■ **REQUIREMENT**: Please copy out the entries until you have copied the line that contains "#4=IFCGEOMETRICREPRESENTATIONCONTEXT($,'Model',3,1.E-05,#2,#3);", beginning with the first line.

┏━━

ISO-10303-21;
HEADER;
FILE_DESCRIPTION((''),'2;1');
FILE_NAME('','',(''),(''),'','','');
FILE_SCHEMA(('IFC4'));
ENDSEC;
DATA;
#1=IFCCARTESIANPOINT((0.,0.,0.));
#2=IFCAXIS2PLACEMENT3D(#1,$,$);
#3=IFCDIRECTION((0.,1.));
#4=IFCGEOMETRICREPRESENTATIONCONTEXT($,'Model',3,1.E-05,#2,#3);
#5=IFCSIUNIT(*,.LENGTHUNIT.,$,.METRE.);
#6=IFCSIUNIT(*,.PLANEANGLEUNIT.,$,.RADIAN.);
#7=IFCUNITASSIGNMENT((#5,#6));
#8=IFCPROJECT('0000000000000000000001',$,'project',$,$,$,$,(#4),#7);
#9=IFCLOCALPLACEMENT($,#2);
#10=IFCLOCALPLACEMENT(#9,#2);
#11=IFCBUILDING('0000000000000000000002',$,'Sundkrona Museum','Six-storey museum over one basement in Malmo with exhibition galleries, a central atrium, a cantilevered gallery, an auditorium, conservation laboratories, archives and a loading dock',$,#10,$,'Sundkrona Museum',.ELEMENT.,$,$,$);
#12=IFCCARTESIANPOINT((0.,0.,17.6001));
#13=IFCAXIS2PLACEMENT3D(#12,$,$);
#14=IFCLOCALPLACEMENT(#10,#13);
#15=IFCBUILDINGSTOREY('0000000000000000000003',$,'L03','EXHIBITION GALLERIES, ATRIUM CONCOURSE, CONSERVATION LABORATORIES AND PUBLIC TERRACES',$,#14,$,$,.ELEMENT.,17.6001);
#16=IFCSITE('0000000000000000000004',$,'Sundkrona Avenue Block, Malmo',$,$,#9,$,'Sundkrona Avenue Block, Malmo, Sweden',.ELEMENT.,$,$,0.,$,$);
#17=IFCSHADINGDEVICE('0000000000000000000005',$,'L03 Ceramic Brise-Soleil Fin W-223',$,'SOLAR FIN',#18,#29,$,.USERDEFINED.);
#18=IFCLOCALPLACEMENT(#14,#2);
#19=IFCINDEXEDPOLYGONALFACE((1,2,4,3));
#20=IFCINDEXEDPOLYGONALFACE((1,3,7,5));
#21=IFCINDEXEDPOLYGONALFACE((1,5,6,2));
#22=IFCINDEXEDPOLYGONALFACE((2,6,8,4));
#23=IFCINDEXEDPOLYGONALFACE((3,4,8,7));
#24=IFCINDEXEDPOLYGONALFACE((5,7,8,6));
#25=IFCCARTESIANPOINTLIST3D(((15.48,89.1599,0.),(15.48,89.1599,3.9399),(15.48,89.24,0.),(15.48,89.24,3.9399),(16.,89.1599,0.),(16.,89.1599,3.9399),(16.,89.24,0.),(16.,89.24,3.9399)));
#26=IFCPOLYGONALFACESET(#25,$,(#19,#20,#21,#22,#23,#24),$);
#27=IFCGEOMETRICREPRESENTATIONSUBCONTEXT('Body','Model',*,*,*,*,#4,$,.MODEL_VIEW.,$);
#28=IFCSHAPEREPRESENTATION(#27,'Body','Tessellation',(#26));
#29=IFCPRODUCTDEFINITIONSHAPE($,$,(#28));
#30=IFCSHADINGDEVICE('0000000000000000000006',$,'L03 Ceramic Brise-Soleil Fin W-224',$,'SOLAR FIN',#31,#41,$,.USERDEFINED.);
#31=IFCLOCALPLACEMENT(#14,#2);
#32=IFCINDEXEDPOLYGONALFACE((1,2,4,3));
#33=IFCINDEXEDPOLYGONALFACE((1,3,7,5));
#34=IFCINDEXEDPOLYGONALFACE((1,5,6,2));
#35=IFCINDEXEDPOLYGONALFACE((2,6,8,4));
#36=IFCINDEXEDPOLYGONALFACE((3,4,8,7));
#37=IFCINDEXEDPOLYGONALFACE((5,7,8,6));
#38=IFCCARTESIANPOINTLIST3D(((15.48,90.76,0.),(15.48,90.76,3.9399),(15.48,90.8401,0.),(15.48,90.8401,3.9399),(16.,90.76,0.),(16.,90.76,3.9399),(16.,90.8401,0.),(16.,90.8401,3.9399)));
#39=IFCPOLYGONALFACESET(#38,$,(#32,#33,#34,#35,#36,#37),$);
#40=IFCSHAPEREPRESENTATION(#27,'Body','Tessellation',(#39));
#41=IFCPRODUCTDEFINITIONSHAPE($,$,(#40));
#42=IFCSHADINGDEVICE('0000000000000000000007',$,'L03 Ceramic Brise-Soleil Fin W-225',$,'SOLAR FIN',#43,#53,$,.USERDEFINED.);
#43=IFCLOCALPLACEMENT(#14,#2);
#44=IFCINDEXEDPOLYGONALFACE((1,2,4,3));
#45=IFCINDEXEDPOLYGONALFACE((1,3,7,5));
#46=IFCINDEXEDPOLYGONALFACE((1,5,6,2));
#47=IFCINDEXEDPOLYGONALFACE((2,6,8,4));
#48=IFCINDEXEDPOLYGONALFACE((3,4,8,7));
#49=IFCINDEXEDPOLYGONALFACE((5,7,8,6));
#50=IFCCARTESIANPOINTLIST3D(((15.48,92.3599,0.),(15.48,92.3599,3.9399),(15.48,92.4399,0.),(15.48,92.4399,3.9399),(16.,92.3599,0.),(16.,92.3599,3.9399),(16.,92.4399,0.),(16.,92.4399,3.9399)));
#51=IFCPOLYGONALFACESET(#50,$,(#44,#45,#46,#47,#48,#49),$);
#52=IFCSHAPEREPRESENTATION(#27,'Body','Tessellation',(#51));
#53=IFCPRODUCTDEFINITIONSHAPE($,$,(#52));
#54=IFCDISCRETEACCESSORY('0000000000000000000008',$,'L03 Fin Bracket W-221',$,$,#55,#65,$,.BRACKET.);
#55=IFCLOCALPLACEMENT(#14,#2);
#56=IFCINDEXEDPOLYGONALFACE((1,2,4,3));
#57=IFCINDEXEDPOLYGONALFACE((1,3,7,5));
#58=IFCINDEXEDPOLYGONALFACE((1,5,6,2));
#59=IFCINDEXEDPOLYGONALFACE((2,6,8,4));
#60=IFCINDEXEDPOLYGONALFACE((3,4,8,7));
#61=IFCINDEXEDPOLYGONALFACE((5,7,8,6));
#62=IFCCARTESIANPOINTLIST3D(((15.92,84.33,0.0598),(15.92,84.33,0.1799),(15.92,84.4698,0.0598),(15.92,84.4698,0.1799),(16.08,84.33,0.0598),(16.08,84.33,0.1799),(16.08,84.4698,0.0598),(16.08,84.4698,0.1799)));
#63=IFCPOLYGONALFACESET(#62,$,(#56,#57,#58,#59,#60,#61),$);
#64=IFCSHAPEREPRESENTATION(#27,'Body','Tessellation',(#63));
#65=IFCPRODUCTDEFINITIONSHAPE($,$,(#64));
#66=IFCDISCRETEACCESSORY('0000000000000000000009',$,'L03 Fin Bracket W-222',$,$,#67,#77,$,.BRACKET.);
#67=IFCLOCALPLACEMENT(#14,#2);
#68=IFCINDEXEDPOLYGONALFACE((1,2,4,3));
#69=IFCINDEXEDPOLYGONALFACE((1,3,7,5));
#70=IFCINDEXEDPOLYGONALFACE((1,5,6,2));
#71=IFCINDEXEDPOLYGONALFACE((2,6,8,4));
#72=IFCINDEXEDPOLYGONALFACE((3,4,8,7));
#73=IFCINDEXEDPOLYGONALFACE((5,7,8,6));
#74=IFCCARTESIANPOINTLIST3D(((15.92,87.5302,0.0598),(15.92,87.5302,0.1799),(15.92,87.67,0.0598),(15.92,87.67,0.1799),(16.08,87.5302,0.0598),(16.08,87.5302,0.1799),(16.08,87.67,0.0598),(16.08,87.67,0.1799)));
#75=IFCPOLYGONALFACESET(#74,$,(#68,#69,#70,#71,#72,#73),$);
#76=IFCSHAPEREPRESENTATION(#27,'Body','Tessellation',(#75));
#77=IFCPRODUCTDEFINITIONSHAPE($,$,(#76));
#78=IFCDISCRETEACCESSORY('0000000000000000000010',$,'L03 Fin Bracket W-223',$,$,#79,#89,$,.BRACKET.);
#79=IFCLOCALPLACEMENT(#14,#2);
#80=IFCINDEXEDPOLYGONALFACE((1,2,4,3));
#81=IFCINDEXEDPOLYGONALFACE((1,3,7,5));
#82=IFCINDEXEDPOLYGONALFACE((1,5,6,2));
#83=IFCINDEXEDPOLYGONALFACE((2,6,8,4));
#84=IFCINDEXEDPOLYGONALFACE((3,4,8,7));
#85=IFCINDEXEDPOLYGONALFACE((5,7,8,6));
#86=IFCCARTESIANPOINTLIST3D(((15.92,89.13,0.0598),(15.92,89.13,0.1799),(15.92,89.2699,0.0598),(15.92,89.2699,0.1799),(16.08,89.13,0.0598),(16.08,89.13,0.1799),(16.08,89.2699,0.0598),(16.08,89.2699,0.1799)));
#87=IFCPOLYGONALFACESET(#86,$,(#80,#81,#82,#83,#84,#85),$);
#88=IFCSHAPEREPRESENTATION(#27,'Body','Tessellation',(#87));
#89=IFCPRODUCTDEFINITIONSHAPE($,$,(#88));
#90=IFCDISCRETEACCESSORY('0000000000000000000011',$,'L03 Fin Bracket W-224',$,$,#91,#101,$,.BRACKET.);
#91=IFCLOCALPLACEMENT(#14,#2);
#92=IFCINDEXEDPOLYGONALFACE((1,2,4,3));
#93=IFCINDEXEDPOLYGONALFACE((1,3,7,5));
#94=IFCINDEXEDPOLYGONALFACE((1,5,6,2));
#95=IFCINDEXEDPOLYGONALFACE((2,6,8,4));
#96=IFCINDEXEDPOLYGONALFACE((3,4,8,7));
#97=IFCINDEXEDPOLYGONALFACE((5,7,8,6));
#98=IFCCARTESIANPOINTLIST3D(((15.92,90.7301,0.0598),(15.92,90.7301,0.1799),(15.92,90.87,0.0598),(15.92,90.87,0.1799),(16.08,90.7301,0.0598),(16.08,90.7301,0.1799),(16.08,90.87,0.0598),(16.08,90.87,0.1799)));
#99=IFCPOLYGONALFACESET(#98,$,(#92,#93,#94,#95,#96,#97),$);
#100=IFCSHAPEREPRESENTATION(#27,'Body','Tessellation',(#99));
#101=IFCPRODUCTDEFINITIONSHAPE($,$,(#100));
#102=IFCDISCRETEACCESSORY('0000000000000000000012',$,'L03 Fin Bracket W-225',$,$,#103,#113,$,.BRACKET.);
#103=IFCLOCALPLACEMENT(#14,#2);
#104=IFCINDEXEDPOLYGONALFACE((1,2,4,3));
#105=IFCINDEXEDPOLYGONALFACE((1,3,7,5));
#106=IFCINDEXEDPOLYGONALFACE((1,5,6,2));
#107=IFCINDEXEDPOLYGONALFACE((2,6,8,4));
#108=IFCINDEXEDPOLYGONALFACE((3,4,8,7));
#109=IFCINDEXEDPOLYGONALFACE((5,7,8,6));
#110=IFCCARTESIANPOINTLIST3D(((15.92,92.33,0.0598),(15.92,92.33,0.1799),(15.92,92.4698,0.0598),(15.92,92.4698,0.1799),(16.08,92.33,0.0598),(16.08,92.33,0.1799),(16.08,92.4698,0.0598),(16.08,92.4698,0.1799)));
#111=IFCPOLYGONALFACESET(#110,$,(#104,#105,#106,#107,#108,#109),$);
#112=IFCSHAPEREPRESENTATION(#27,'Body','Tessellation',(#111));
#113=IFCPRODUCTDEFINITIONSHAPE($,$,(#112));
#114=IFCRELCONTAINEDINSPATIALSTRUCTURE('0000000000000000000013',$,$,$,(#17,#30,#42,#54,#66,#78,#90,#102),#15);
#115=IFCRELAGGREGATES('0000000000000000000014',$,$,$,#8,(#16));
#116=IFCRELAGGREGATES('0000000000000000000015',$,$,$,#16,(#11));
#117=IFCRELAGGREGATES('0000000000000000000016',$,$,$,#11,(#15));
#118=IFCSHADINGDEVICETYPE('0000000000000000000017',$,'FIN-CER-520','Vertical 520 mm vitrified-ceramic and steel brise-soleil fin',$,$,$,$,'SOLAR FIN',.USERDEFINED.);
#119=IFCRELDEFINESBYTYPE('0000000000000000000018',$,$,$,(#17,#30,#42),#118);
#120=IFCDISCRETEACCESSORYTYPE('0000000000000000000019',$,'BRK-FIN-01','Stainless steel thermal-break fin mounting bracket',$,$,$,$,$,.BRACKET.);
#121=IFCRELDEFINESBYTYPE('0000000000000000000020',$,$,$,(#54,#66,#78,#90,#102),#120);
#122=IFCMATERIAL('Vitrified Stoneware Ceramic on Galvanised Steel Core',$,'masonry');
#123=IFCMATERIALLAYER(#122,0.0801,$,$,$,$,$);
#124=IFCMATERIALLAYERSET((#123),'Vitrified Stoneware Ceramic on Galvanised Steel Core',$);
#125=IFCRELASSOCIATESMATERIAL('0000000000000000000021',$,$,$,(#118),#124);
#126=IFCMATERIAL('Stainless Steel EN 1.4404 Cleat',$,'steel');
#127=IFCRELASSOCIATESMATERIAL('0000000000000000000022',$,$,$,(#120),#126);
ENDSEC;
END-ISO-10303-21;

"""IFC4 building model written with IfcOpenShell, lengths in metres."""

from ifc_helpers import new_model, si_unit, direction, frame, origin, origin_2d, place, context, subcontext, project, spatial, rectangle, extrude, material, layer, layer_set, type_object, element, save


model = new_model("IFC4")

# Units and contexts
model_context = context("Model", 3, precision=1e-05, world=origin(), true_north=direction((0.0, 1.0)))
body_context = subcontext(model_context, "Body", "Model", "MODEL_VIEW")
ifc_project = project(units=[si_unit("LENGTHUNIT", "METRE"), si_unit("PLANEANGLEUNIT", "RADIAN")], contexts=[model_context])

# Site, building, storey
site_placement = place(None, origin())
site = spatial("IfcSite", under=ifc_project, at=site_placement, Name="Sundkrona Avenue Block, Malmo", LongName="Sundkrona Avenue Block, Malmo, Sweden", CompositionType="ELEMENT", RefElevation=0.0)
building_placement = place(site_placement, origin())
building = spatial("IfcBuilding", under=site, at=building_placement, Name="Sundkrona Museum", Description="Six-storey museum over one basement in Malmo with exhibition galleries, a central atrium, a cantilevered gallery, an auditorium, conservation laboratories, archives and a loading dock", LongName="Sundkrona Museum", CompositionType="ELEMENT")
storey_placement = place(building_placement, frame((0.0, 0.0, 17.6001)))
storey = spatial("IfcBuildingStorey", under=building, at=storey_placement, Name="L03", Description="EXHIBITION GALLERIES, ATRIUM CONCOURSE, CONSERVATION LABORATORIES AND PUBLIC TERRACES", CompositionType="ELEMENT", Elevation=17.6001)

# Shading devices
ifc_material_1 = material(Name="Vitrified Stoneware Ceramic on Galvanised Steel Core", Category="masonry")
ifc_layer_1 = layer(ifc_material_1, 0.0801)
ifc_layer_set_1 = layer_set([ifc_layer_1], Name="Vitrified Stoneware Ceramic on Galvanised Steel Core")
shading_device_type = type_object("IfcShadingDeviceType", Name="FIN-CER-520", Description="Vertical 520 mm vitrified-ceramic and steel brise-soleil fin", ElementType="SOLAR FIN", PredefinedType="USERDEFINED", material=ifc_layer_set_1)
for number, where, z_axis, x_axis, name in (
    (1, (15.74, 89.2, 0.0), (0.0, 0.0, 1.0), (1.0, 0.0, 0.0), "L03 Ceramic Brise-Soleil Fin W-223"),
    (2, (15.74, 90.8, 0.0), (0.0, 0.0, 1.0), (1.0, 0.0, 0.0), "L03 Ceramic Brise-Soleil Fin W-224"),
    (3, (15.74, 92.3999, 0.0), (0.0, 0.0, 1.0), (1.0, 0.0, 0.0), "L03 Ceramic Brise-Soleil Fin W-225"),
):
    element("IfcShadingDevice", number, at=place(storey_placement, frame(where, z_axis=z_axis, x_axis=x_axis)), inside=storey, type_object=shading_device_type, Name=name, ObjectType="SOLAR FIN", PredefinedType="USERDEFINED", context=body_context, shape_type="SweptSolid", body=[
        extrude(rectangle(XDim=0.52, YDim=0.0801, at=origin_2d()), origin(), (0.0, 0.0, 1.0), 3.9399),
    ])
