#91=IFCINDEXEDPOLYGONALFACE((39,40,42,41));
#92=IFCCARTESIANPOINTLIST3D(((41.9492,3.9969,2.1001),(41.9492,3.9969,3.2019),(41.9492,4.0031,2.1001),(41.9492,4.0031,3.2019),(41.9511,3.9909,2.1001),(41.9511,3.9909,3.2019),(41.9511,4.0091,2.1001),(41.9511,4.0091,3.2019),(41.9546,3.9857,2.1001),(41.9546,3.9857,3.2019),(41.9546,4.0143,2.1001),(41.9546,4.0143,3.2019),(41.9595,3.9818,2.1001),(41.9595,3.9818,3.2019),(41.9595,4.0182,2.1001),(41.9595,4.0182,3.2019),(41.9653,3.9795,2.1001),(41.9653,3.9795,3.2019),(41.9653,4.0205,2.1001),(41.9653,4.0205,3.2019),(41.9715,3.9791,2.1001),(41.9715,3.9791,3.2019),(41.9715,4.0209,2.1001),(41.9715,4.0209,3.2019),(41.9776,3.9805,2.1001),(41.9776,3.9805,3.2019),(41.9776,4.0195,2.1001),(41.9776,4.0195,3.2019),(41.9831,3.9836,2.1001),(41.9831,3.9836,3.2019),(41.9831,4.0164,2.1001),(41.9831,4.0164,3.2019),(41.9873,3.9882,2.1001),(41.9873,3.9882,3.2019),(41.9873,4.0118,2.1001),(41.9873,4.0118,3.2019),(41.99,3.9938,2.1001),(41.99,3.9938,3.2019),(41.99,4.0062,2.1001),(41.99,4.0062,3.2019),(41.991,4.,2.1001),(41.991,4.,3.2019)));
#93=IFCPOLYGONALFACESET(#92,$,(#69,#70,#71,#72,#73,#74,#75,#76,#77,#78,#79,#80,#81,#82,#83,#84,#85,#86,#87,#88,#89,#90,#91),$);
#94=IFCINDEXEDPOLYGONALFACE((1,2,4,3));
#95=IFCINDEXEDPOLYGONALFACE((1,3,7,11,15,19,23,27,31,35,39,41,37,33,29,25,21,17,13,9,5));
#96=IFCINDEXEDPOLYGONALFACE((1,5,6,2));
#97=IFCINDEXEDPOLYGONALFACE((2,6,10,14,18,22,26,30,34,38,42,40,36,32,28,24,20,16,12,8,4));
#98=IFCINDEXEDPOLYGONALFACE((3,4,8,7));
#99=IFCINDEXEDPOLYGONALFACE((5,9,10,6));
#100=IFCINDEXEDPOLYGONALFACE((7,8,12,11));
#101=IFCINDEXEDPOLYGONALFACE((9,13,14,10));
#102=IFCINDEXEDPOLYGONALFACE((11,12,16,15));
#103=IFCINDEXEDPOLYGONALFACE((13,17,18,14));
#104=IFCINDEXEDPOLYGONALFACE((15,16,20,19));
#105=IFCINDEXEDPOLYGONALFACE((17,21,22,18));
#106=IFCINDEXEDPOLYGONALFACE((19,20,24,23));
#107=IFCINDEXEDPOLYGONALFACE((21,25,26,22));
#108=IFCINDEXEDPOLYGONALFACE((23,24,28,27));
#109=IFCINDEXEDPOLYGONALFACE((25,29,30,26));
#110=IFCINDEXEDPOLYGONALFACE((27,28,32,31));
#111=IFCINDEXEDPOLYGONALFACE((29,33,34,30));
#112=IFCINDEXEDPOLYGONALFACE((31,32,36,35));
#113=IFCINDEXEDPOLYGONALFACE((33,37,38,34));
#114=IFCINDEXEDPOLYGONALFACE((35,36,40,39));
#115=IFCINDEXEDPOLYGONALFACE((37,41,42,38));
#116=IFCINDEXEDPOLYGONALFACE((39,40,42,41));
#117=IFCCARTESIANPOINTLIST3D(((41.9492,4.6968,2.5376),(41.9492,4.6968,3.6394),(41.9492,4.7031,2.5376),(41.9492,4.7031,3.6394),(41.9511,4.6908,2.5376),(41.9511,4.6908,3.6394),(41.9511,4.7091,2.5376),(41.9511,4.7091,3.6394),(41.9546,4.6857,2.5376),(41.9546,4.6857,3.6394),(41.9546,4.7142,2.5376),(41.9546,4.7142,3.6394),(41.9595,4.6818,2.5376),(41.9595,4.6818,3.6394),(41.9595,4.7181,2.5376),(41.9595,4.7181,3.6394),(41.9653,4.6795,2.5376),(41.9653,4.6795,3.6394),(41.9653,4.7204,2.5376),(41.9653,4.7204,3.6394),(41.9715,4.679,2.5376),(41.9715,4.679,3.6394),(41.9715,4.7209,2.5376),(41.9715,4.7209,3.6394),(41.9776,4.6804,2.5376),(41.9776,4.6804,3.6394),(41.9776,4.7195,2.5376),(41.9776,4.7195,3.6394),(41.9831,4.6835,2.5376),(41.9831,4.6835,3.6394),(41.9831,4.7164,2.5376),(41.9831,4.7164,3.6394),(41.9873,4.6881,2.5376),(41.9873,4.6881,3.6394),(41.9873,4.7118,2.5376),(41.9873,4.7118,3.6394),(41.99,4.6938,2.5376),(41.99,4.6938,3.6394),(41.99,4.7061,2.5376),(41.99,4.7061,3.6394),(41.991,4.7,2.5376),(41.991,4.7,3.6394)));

┗━━

■ **PROBLEM SOLUTION**:
ISO-10303-21;
HEADER;
FILE_DESCRIPTION((''),'2;1');
FILE_NAME('','',(''),(''),'','','');
FILE_SCHEMA(('IFC4'));
ENDSEC;
DATA;
#1=IFCCARTESIANPOINT((0.,0.,0.));
#2=IFCAXIS2PLACEMENT3D(#1,$,$);
#3=IFCDIRECTION((0.,1.));
#4=IFCGEOMETRICREPRESENTATIONCONTEXT($,'Model',3,1.E-05,#2,#3);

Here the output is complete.